Collected data:
[Start of section]
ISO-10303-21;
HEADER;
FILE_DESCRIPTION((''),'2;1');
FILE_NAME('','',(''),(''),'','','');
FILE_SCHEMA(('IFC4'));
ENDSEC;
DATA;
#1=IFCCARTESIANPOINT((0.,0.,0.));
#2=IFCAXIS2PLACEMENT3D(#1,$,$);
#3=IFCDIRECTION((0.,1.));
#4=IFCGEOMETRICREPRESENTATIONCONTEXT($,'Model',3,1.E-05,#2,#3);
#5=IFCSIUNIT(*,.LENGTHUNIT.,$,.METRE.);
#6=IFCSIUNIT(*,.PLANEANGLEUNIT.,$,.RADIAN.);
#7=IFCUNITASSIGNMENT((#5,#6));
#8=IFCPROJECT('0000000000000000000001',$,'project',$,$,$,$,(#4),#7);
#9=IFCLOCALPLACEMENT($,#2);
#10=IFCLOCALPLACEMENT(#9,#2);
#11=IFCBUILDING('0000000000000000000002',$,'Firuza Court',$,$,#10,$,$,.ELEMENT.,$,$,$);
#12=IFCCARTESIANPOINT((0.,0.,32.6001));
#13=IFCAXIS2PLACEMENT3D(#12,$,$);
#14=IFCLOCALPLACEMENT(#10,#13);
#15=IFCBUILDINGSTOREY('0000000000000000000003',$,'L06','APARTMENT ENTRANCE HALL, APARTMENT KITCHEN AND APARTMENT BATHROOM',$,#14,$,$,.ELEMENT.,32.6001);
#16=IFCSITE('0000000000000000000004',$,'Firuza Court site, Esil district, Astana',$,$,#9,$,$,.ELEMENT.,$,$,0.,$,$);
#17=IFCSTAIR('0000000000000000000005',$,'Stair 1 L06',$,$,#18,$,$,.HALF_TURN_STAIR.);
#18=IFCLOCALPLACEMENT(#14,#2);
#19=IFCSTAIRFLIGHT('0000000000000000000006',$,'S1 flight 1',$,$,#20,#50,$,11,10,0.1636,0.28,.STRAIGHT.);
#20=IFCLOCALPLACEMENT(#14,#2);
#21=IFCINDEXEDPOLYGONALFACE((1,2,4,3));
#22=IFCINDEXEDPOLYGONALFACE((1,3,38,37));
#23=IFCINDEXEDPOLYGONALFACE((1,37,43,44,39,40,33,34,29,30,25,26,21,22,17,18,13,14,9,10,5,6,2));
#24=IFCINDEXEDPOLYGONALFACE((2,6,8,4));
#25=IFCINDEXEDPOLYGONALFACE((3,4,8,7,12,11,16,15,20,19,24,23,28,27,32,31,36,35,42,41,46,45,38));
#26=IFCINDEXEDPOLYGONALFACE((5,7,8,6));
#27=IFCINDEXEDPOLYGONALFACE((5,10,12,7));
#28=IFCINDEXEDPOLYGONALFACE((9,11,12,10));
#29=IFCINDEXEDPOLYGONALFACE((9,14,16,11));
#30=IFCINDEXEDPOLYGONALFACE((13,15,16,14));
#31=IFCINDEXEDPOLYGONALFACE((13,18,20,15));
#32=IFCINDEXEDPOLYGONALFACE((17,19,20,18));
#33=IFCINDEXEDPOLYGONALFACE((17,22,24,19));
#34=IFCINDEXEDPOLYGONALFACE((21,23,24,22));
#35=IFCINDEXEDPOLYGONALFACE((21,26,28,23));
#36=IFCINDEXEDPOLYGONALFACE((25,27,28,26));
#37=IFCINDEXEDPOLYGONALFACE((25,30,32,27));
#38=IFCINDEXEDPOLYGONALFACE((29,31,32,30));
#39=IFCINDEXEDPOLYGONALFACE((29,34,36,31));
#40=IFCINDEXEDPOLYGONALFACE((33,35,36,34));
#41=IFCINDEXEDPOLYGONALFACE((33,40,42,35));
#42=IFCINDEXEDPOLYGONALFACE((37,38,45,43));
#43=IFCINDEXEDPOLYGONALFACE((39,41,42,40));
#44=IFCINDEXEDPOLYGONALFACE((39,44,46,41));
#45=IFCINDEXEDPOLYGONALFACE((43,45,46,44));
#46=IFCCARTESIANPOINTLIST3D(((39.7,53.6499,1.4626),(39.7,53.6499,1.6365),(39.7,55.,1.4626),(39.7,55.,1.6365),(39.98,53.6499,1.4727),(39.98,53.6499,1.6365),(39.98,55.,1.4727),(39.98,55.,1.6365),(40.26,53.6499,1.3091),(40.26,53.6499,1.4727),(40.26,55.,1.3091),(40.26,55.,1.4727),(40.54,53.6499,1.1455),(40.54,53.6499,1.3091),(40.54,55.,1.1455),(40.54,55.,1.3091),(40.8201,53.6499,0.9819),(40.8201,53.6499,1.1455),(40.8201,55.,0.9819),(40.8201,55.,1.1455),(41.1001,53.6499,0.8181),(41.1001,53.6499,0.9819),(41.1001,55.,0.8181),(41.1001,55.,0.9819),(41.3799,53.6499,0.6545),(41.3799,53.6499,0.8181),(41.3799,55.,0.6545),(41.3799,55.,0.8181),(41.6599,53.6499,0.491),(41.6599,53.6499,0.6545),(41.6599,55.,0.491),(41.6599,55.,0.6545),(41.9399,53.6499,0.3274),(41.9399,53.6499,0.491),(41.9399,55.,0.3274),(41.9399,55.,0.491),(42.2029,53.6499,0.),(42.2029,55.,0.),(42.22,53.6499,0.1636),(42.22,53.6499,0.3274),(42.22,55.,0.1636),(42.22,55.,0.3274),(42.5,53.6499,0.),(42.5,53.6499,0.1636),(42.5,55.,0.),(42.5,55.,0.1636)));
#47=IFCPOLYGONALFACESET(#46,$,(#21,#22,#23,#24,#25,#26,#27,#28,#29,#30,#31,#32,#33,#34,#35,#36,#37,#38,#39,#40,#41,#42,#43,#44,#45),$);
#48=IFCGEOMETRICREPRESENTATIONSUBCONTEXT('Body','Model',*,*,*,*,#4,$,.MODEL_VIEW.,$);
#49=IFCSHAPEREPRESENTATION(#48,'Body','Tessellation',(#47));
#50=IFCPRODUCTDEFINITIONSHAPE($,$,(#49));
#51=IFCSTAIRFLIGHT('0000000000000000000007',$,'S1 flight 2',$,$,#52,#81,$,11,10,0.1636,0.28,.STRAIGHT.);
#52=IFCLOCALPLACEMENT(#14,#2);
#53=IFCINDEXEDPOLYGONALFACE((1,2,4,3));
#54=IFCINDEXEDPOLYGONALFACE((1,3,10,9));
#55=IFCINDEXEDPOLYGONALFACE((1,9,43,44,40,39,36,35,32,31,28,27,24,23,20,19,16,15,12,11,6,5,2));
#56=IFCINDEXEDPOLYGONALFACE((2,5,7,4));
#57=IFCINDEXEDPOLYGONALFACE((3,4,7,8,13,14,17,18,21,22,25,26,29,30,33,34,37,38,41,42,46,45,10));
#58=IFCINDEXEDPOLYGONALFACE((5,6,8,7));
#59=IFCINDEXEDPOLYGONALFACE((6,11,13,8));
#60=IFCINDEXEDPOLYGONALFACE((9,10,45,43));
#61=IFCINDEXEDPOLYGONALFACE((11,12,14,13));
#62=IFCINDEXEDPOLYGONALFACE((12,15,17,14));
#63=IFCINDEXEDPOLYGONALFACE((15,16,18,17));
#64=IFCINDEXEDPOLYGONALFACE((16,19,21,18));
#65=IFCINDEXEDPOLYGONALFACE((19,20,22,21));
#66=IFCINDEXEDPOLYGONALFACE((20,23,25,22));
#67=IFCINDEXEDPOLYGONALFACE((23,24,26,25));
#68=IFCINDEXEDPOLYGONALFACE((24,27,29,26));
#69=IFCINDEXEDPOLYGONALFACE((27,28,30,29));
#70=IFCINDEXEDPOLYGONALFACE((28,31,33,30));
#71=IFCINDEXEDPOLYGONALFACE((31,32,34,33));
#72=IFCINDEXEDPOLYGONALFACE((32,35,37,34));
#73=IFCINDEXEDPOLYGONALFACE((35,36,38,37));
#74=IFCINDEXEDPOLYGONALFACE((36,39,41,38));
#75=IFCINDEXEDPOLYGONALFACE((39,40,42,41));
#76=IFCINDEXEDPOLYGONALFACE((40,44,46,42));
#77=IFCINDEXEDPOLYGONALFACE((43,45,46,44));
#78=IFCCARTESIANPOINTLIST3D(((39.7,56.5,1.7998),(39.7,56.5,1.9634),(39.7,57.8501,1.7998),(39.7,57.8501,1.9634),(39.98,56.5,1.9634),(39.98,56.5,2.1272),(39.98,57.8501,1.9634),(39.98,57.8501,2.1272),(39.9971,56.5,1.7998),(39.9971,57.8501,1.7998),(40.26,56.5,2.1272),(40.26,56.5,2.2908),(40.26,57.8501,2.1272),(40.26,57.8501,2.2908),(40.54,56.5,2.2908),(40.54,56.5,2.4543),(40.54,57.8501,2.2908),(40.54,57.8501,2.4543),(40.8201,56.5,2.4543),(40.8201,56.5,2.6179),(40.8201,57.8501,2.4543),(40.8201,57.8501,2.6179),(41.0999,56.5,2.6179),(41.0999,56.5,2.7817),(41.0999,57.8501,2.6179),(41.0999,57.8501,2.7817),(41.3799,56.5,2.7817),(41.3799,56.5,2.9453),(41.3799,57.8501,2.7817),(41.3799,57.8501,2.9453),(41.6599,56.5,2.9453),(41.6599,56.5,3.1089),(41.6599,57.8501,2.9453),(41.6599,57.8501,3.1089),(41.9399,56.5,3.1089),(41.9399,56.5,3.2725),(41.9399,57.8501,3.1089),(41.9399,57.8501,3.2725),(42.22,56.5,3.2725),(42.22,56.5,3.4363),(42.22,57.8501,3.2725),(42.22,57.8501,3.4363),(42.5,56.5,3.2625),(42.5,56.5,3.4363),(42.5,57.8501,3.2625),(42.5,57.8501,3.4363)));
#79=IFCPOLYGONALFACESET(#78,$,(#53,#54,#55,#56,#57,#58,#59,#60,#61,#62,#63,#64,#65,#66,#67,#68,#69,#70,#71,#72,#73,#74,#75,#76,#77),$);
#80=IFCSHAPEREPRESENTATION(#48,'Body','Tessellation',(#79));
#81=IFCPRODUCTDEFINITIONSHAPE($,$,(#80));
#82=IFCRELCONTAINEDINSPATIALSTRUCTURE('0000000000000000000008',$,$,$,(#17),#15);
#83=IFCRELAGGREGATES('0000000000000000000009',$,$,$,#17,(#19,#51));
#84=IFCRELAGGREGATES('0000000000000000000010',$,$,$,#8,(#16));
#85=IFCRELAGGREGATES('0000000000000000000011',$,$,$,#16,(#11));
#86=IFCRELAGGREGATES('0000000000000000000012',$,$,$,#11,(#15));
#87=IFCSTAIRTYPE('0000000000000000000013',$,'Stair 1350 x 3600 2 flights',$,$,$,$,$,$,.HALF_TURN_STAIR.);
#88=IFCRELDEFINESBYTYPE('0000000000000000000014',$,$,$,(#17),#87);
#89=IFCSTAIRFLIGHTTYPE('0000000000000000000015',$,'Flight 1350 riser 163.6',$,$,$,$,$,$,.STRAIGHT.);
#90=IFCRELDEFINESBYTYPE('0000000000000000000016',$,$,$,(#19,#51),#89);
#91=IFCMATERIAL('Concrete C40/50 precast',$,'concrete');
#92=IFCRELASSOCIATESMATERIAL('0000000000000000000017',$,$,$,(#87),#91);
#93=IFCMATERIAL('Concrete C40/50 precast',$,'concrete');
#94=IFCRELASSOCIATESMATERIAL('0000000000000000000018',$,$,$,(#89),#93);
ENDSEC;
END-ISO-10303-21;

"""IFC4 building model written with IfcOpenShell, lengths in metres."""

from ifc_helpers import new_model, si_unit, direction, frame, origin, place, context, subcontext, project, spatial, polyline, outline, extrude, material, type_object, element, aggregate, save


model = new_model("IFC4")

# Units and contexts
model_context = context("Model", 3, precision=1e-05, world=origin(), true_north=direction((0.0, 1.0)))
body_context = subcontext(model_context, "Body", "Model", "MODEL_VIEW")
ifc_project = project(units=[si_unit("LENGTHUNIT", "METRE"), si_unit("PLANEANGLEUNIT", "RADIAN")], contexts=[model_context])

# Site, building, storey
site_placement = place(None, origin())
site = spatial("IfcSite", under=ifc_project, at=site_placement, Name="Firuza Court site, Esil district, Astana", CompositionType="ELEMENT", RefElevation=0.0)
building_placement = place(site_placement, origin())
building = spatial("IfcBuilding", under=site, at=building_placement, Name="Firuza Court", CompositionType="ELEMENT")
storey_placement = place(building_placement, frame((0.0, 0.0, 32.6001)))
storey = spatial("IfcBuildingStorey", under=building, at=storey_placement, Name="L06", Description="APARTMENT ENTRANCE HALL, APARTMENT KITCHEN AND APARTMENT BATHROOM", CompositionType="ELEMENT", Elevation=32.6001)

# Stair, stair flights
ifc_material_1 = material(Name="Concrete C40/50 precast", Category="concrete")
stair_type = type_object("IfcStairType", Name="Stair 1350 x 3600 2 flights", PredefinedType="HALF_TURN_STAIR", material=ifc_material_1)
stair_placement = place(storey_placement, origin())
stair = element("IfcStair", 1, at=stair_placement, inside=storey, type_object=stair_type, Name="Stair 1 L06", PredefinedType="HALF_TURN_STAIR")
ifc_material_2 = material(Name="Concrete C40/50 precast", Category="concrete")
stair_flight_type = type_object("IfcStairFlightType", Name="Flight 1350 riser 163.6", PredefinedType="STRAIGHT", material=ifc_material_2)
stair_flight_1_placement = place(storey_placement, frame((42.5, 54.325, 0.0), z_axis=(0.0, 0.0, 1.0), x_axis=(-1.0, 0.0, 0.0)))
stair_flight_1 = element("IfcStairFlight", 2, at=stair_flight_1_placement, type_object=stair_flight_type, Name="S1 flight 1", NumberOfRisers=11, NumberOfTreads=10, PredefinedType="STRAIGHT", RiserHeight=0.1636, TreadLength=0.28, context=body_context, shape_type="SweptSolid", body=[
    extrude(outline(polyline([(0.0, 0.0), (0.0, 0.1636), (0.28, 0.1636), (0.28, 0.3274), (0.5601, 0.3274), (0.5601, 0.491), (0.8401, 0.491), (0.8401, 0.6545), (1.1201, 0.6545), (1.1201, 0.8181), (1.3999, 0.8181), (1.3999, 0.9819), (1.6799, 0.9819), (1.6799, 1.1455), (1.96, 1.1455), (1.96, 1.3091), (2.24, 1.3091), (2.24, 1.4727), (2.52, 1.4727), (2.52, 1.6365), (2.8, 1.6365), (2.8, 1.8), (2.8, 1.4626), (0.2971, 0.0), (0.0, 0.0)])), frame((0.0, 0.675, 0.0), z_axis=(0.0, -1.0, 0.0), x_axis=(1.0, 0.0, 0.0)), (0.0, 0.0, 1.0), 1.3501),
])
stair_flight_2_placement = place(storey_placement, frame((39.7, 57.175, 1.7998), z_axis=(0.0, 0.0, 1.0), x_axis=(1.0, 0.0, 0.0)))
stair_flight_2 = element("IfcStairFlight", 3, at=stair_flight_2_placement, type_object=stair_flight_type, Name="S1 flight 2", NumberOfRisers=11, NumberOfTreads=10, PredefinedType="STRAIGHT", RiserHeight=0.1636, TreadLength=0.28, context=body_context, shape_type="SweptSolid", body=[
    extrude(outline(polyline([(0.0, 0.0), (0.0, 0.1636), (0.28, 0.1636), (0.28, 0.3274), (0.5601, 0.3274), (0.5601, 0.491), (0.8401, 0.491), (0.8401, 0.6545), (1.1201, 0.6545), (1.1201, 0.8181), (1.3999, 0.8181), (1.3999, 0.9819), (1.6799, 0.9819), (1.6799, 1.1455), (1.96, 1.1455), (1.96, 1.3091), (2.24, 1.3091), (2.24, 1.4727), (2.52, 1.4727), (2.52, 1.6365), (2.8, 1.6365), (2.8, 1.8), (2.8, 1.4626), (0.2971, 0.0), (0.0, 0.0)])), frame((0.0, 0.675, 0.0), z_axis=(0.0, -1.0, 0.0), x_axis=(1.0, 0.0, 0.0)), (0.0, 0.0, 1.0), 1.3501),
])
aggregate(stair, [stair_flight_1, stair_flight_2])

save(model, "model.ifc")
[End of section]
Could you reproduce, exactly, every line above from the line with "#63=IFCINDEXEDPOLYGONALFACE((15,16,18,17));" to the line with "#74=IFCINDEXEDPOLYGONALFACE((36,39,41,38));", and no other line? Both ends count.

#63=IFCINDEXEDPOLYGONALFACE((15,16,18,17));
#64=IFCINDEXEDPOLYGONALFACE((16,19,21,18));
#65=IFCINDEXEDPOLYGONALFACE((19,20,22,21));
#66=IFCINDEXEDPOLYGONALFACE((20,23,25,22));
#67=IFCINDEXEDPOLYGONALFACE((23,24,26,25));
#68=IFCINDEXEDPOLYGONALFACE((24,27,29,26));
#69=IFCINDEXEDPOLYGONALFACE((27,28,30,29));
#70=IFCINDEXEDPOLYGONALFACE((28,31,33,30));
#71=IFCINDEXEDPOLYGONALFACE((31,32,34,33));
#72=IFCINDEXEDPOLYGONALFACE((32,35,37,34));
#73=IFCINDEXEDPOLYGONALFACE((35,36,38,37));
#74=IFCINDEXEDPOLYGONALFACE((36,39,41,38));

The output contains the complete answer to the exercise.